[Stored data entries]

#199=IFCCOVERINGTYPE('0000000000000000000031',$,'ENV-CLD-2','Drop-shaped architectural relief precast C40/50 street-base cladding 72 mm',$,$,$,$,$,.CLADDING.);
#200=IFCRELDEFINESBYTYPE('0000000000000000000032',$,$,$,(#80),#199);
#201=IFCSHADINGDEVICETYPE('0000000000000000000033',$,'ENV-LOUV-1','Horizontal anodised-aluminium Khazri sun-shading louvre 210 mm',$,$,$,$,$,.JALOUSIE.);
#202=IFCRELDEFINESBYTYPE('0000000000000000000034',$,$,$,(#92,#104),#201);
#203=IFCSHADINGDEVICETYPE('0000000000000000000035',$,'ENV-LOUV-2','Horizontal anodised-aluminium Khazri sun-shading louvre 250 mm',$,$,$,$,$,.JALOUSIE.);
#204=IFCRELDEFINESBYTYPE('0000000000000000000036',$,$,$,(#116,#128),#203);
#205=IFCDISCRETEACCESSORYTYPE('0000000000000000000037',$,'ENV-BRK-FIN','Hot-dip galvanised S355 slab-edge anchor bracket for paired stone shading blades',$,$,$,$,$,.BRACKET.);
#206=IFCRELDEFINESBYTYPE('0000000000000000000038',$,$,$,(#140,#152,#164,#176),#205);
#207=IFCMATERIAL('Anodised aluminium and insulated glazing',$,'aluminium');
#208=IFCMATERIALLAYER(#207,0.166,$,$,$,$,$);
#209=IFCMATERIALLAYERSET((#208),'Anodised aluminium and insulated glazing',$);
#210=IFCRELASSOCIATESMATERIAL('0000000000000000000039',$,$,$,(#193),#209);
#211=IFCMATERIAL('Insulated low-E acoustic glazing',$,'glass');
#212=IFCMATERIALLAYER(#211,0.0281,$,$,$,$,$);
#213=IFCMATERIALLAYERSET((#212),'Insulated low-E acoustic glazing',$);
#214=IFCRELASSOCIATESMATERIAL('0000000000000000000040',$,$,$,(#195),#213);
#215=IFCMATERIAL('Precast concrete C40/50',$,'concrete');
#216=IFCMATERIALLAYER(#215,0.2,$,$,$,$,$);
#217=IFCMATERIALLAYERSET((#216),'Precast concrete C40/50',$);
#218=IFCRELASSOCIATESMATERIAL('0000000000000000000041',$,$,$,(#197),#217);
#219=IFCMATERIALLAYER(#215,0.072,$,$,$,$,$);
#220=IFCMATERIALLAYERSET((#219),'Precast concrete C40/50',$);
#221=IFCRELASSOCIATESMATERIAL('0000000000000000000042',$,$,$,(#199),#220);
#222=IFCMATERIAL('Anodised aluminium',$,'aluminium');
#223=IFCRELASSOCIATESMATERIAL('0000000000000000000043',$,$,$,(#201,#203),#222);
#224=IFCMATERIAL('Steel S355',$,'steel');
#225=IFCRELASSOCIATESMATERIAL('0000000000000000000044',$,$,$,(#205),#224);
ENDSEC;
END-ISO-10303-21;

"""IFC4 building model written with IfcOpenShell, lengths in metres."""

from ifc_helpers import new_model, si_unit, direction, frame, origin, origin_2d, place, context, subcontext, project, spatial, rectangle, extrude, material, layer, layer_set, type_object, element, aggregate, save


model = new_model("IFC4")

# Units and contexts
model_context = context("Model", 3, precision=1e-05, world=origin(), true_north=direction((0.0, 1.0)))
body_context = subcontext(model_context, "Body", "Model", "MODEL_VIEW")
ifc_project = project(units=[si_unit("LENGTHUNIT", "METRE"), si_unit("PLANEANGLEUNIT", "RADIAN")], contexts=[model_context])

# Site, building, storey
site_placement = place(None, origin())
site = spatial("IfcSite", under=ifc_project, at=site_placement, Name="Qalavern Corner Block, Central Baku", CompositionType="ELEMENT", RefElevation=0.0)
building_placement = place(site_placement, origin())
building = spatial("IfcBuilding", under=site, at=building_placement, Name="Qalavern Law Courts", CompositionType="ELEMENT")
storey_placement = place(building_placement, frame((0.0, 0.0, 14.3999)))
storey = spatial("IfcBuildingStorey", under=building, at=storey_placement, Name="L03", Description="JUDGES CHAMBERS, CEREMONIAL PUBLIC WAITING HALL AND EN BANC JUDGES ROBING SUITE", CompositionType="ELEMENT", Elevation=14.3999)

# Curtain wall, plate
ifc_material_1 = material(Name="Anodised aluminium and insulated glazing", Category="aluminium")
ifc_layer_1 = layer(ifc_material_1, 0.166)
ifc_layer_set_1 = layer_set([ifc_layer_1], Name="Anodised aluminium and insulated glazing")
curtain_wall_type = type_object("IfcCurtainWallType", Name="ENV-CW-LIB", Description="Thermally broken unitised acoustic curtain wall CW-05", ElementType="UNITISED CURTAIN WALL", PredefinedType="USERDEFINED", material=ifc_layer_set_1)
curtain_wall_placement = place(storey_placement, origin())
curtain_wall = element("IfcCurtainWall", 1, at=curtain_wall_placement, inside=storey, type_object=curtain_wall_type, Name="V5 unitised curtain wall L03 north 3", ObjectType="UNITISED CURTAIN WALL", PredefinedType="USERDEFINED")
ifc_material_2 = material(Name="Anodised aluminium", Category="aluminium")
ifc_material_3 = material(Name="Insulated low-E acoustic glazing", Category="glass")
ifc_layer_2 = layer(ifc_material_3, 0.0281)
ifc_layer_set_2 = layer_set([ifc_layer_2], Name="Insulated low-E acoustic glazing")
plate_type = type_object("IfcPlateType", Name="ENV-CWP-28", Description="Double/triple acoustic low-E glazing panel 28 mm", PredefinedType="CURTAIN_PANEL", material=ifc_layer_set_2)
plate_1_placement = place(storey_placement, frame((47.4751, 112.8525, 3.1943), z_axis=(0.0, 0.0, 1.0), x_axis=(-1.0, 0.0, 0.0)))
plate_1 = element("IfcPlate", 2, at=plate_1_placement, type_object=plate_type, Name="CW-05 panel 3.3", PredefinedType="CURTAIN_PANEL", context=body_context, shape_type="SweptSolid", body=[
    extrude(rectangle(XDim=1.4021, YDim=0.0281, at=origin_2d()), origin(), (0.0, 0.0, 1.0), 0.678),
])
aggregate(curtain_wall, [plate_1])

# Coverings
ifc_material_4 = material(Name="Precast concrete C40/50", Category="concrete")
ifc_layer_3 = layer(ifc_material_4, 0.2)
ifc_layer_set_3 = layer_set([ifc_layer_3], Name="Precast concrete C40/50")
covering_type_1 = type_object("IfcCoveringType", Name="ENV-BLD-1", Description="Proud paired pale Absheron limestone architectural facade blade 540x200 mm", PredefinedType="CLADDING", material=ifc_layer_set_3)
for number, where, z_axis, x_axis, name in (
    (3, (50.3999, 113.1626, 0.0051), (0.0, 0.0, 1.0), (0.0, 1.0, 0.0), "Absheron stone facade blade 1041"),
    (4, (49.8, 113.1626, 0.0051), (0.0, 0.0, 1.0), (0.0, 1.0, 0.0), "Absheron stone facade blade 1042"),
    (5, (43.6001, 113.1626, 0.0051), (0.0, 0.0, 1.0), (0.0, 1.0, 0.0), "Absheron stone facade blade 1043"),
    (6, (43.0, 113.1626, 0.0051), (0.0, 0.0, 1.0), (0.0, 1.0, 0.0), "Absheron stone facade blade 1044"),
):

What is being asked
If a line above holds the string "USERDEFINED", return it as it stands.

Completed exercise
curtain_wall_type = type_object("IfcCurtainWallType", Name="ENV-CW-LIB", Description="Thermally broken unitised acoustic curtain wall CW-05", ElementType="UNITISED CURTAIN WALL", PredefinedType="USERDEFINED", material=ifc_layer_set_1)
curtain_wall = element("IfcCurtainWall", 1, at=curtain_wall_placement, inside=storey, type_object=curtain_wall_type, Name="V5 unitised curtain wall L03 north 3", ObjectType="UNITISED CURTAIN WALL", PredefinedType="USERDEFINED")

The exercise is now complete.